**Task description**
Set down, exactly as written, every line from the top of the records below to the line containing "Guard Railing 1150',$,$,$,$,$,$,.GUARDRAIL.);", both ends included, and no others.

Stored data:
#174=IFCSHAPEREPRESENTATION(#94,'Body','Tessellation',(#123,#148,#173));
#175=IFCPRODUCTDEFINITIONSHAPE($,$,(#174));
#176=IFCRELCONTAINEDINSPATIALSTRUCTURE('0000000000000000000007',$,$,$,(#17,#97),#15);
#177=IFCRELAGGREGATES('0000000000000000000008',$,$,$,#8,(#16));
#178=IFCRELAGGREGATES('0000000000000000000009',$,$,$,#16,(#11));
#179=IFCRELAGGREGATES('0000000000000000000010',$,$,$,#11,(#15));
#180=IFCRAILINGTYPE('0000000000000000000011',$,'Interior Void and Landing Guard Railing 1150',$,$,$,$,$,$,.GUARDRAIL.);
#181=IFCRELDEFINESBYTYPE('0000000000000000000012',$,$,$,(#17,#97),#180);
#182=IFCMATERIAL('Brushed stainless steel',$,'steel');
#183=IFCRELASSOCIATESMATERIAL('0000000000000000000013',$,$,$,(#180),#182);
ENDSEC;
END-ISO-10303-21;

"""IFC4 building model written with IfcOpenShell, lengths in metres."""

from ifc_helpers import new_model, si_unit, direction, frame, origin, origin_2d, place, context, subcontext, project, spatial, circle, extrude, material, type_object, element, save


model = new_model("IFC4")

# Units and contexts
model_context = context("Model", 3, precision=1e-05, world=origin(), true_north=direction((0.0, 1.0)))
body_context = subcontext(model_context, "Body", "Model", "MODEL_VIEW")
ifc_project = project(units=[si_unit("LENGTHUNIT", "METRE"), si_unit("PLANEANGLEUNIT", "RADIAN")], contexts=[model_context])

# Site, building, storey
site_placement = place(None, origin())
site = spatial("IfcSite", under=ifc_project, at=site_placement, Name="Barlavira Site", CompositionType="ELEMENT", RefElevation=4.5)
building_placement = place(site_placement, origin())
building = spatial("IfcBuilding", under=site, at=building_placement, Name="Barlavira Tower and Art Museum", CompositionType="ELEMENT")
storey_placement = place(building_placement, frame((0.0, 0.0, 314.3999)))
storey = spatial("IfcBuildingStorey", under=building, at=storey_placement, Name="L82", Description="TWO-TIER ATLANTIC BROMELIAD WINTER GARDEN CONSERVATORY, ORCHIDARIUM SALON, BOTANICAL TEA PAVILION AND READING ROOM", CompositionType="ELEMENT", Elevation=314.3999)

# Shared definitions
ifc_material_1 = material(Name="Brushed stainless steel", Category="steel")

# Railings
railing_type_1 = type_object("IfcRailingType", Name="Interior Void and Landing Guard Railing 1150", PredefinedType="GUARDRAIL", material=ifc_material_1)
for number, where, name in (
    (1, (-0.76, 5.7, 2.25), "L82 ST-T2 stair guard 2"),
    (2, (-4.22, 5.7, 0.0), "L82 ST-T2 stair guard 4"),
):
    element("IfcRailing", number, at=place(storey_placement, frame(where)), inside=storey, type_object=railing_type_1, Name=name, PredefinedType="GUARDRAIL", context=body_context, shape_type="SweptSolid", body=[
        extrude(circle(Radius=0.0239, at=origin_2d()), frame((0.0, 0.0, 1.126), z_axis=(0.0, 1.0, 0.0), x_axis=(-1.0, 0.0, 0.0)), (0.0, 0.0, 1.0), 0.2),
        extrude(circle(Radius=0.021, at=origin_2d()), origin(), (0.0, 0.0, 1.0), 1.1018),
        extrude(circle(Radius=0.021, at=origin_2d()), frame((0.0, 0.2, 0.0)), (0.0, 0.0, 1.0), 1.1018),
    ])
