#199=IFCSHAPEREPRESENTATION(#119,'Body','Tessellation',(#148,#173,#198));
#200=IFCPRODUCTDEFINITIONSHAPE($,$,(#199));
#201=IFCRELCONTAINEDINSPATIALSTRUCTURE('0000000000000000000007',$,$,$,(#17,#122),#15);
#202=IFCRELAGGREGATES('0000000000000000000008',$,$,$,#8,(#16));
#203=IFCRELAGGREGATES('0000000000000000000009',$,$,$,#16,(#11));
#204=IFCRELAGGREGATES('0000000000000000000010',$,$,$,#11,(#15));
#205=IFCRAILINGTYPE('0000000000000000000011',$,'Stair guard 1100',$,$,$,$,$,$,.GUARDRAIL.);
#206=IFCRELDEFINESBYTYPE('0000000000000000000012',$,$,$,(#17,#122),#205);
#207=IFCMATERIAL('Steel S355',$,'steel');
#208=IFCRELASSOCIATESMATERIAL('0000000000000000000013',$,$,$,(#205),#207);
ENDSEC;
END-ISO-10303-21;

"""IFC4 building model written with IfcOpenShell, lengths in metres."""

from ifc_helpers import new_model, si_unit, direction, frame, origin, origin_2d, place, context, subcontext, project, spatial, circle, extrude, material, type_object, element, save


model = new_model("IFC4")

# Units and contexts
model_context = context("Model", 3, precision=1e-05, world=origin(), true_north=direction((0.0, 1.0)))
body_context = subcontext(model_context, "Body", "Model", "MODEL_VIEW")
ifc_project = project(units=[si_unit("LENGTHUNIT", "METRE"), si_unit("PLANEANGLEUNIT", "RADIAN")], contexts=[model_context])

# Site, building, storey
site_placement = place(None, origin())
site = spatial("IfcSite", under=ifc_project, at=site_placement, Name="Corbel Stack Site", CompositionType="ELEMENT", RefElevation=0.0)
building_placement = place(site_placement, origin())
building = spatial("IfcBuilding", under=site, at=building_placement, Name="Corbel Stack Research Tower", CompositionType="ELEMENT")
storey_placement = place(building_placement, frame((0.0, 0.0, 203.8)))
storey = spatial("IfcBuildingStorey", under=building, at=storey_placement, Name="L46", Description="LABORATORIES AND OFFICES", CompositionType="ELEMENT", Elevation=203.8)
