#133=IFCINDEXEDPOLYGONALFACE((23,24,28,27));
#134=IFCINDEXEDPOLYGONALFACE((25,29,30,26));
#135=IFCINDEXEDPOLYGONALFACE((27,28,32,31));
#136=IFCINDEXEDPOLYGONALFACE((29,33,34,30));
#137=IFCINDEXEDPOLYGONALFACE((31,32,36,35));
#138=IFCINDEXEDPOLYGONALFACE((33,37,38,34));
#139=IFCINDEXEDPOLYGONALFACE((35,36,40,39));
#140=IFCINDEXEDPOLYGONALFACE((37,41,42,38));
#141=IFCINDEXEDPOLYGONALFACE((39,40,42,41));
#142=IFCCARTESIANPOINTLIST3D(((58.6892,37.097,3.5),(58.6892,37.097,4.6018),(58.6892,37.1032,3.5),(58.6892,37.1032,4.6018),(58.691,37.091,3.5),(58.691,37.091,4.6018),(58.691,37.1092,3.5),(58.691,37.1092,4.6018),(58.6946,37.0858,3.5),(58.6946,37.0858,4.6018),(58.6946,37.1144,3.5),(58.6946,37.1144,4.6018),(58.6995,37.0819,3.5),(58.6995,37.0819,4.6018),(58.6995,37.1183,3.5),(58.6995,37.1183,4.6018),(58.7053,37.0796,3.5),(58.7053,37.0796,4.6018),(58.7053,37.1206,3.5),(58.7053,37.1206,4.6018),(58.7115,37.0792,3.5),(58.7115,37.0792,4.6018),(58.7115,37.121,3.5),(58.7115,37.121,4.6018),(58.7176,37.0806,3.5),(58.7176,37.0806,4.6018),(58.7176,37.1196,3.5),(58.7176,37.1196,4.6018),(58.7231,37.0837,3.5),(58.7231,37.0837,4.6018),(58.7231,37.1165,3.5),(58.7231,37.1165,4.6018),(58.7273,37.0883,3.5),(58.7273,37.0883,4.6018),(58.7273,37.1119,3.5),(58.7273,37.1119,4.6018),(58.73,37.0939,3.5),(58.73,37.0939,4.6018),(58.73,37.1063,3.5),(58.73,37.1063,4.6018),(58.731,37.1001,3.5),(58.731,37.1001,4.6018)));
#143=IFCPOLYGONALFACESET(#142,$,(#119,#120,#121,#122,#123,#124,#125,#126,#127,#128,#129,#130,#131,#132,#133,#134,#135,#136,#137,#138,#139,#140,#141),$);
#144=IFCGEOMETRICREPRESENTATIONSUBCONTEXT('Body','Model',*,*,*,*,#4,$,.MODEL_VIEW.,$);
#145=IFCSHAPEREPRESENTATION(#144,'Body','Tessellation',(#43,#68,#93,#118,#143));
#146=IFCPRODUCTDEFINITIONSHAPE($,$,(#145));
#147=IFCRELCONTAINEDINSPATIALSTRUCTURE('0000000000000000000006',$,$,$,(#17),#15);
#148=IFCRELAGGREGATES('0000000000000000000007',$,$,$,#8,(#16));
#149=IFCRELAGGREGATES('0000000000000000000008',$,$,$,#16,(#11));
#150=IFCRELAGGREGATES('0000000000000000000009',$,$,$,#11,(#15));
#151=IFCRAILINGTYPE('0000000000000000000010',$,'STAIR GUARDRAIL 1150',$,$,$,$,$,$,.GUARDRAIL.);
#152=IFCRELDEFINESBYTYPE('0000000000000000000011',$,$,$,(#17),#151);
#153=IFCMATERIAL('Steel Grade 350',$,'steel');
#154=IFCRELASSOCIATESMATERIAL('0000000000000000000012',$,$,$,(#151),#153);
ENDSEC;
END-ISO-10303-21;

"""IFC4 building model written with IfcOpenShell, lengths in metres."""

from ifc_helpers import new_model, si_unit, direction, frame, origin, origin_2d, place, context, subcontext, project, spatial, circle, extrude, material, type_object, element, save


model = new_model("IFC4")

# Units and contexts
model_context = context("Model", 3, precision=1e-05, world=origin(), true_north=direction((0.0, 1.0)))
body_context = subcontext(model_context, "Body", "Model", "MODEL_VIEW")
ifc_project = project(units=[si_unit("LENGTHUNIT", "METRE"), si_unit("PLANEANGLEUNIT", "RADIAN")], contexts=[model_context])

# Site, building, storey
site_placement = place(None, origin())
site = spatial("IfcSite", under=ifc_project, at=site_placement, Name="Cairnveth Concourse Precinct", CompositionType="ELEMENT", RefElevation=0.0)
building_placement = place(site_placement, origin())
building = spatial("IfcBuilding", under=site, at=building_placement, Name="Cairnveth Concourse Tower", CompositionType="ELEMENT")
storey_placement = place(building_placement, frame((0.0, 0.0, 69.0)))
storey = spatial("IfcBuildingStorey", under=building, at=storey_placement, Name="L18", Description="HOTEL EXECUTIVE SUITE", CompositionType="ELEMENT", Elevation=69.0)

**Solution to this exercise**
#174=IFCSHAPEREPRESENTATION(#94,'Body','Tessellation',(#123,#148,#173));
#175=IFCPRODUCTDEFINITIONSHAPE($,$,(#174));
#176=IFCRELCONTAINEDINSPATIALSTRUCTURE('0000000000000000000007',$,$,$,(#17,#97),#15);
#177=IFCRELAGGREGATES('0000000000000000000008',$,$,$,#8,(#16));
#178=IFCRELAGGREGATES('0000000000000000000009',$,$,$,#16,(#11));
#179=IFCRELAGGREGATES('0000000000000000000010',$,$,$,#11,(#15));
#180=IFCRAILINGTYPE('0000000000000000000011',$,'Interior Void and Landing Guard Railing 1150',$,$,$,$,$,$,.GUARDRAIL.);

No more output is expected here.